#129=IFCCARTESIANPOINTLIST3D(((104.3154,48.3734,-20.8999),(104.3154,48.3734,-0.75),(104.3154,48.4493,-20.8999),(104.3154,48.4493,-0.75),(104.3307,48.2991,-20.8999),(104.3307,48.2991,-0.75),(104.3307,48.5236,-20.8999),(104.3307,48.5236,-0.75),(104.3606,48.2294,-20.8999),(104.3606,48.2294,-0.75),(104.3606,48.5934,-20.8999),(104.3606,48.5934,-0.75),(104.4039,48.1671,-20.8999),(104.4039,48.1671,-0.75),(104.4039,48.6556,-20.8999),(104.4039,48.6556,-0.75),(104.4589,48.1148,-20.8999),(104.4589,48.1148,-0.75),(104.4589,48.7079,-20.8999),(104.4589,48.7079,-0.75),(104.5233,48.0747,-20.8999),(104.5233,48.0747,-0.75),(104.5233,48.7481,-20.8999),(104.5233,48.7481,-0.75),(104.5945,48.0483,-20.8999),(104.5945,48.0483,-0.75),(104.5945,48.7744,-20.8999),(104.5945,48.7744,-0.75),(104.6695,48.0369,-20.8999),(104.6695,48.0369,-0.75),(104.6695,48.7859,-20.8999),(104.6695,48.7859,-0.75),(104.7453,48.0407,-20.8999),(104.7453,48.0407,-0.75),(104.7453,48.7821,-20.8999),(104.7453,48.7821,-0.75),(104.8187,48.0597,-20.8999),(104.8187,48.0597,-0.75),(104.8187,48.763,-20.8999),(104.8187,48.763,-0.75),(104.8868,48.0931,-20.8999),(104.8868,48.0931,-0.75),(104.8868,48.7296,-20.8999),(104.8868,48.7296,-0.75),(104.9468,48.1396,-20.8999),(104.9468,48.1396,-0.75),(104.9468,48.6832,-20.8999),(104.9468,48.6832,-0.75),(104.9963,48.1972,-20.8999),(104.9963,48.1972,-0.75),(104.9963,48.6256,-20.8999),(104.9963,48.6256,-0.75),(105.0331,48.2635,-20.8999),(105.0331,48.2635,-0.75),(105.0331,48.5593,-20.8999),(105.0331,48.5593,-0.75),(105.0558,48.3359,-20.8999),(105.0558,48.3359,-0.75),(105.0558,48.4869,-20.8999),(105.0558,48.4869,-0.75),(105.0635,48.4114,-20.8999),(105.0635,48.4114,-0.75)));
- - -
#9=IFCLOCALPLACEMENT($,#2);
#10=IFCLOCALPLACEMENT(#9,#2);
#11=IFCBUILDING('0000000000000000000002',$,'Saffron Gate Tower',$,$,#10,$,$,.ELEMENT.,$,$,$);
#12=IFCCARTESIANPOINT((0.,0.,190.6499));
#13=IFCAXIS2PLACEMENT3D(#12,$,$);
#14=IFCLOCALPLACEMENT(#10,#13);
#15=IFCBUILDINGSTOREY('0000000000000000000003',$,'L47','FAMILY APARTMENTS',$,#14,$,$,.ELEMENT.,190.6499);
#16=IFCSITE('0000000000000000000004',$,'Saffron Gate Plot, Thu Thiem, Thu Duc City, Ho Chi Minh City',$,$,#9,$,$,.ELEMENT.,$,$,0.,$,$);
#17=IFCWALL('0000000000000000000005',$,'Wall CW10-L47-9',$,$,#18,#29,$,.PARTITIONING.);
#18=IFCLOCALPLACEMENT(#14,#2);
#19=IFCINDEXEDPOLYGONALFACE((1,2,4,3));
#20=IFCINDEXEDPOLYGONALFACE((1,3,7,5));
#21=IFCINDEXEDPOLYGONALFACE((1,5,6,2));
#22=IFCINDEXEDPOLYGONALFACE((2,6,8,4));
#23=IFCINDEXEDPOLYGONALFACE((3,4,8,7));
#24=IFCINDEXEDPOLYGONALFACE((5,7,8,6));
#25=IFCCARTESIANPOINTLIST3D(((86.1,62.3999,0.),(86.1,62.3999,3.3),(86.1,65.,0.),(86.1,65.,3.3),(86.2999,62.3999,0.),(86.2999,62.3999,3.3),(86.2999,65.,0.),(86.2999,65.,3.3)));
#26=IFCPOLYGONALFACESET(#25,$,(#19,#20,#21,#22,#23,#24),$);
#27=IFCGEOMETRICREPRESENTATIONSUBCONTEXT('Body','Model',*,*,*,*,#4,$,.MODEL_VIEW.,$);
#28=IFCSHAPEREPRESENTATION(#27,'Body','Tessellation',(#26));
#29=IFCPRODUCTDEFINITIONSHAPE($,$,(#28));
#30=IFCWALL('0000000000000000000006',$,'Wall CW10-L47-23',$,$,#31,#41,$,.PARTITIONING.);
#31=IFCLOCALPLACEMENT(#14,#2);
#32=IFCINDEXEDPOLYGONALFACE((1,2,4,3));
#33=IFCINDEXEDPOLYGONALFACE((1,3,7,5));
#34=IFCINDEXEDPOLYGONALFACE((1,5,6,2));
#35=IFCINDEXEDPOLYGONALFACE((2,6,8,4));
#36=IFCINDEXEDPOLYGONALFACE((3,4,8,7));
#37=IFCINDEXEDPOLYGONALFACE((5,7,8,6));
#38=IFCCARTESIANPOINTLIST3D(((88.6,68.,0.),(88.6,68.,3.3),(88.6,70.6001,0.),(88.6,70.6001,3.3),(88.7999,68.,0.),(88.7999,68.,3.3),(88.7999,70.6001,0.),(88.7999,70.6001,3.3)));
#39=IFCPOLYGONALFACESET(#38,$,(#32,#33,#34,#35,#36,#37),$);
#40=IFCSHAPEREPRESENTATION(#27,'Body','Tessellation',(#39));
- - -
**Exercise:**
Please reproduce, exactly as they appear above, the lines from the line containing "#16=IFCSITE('0000000000000000000004',$,'Saffron Gate Plot, Thu" up to and including the line containing "#40=IFCSHAPEREPRESENTATION(#27,'Body','Tessellation',(#39));".

**Response area:**
#16=IFCSITE('0000000000000000000004',$,'Saffron Gate Plot, Thu Thiem, Thu Duc City, Ho Chi Minh City',$,$,#9,$,$,.ELEMENT.,$,$,0.,$,$);
#17=IFCWALL('0000000000000000000005',$,'Wall CW10-L47-9',$,$,#18,#29,$,.PARTITIONING.);
#18=IFCLOCALPLACEMENT(#14,#2);
#19=IFCINDEXEDPOLYGONALFACE((1,2,4,3));
#20=IFCINDEXEDPOLYGONALFACE((1,3,7,5));
#21=IFCINDEXEDPOLYGONALFACE((1,5,6,2));
#22=IFCINDEXEDPOLYGONALFACE((2,6,8,4));
#23=IFCINDEXEDPOLYGONALFACE((3,4,8,7));
#24=IFCINDEXEDPOLYGONALFACE((5,7,8,6));
#25=IFCCARTESIANPOINTLIST3D(((86.1,62.3999,0.),(86.1,62.3999,3.3),(86.1,65.,0.),(86.1,65.,3.3),(86.2999,62.3999,0.),(86.2999,62.3999,3.3),(86.2999,65.,0.),(86.2999,65.,3.3)));
#26=IFCPOLYGONALFACESET(#25,$,(#19,#20,#21,#22,#23,#24),$);
#27=IFCGEOMETRICREPRESENTATIONSUBCONTEXT('Body','Model',*,*,*,*,#4,$,.MODEL_VIEW.,$);
#28=IFCSHAPEREPRESENTATION(#27,'Body','Tessellation',(#26));
#29=IFCPRODUCTDEFINITIONSHAPE($,$,(#28));
#30=IFCWALL('0000000000000000000006',$,'Wall CW10-L47-23',$,$,#31,#41,$,.PARTITIONING.);
#31=IFCLOCALPLACEMENT(#14,#2);
#32=IFCINDEXEDPOLYGONALFACE((1,2,4,3));
#33=IFCINDEXEDPOLYGONALFACE((1,3,7,5));
#34=IFCINDEXEDPOLYGONALFACE((1,5,6,2));
#35=IFCINDEXEDPOLYGONALFACE((2,6,8,4));
#36=IFCINDEXEDPOLYGONALFACE((3,4,8,7));
#37=IFCINDEXEDPOLYGONALFACE((5,7,8,6));
#38=IFCCARTESIANPOINTLIST3D(((88.6,68.,0.),(88.6,68.,3.3),(88.6,70.6001,0.),(88.6,70.6001,3.3),(88.7999,68.,0.),(88.7999,68.,3.3),(88.7999,70.6001,0.),(88.7999,70.6001,3.3)));
#39=IFCPOLYGONALFACESET(#38,$,(#32,#33,#34,#35,#36,#37),$);
#40=IFCSHAPEREPRESENTATION(#27,'Body','Tessellation',(#39));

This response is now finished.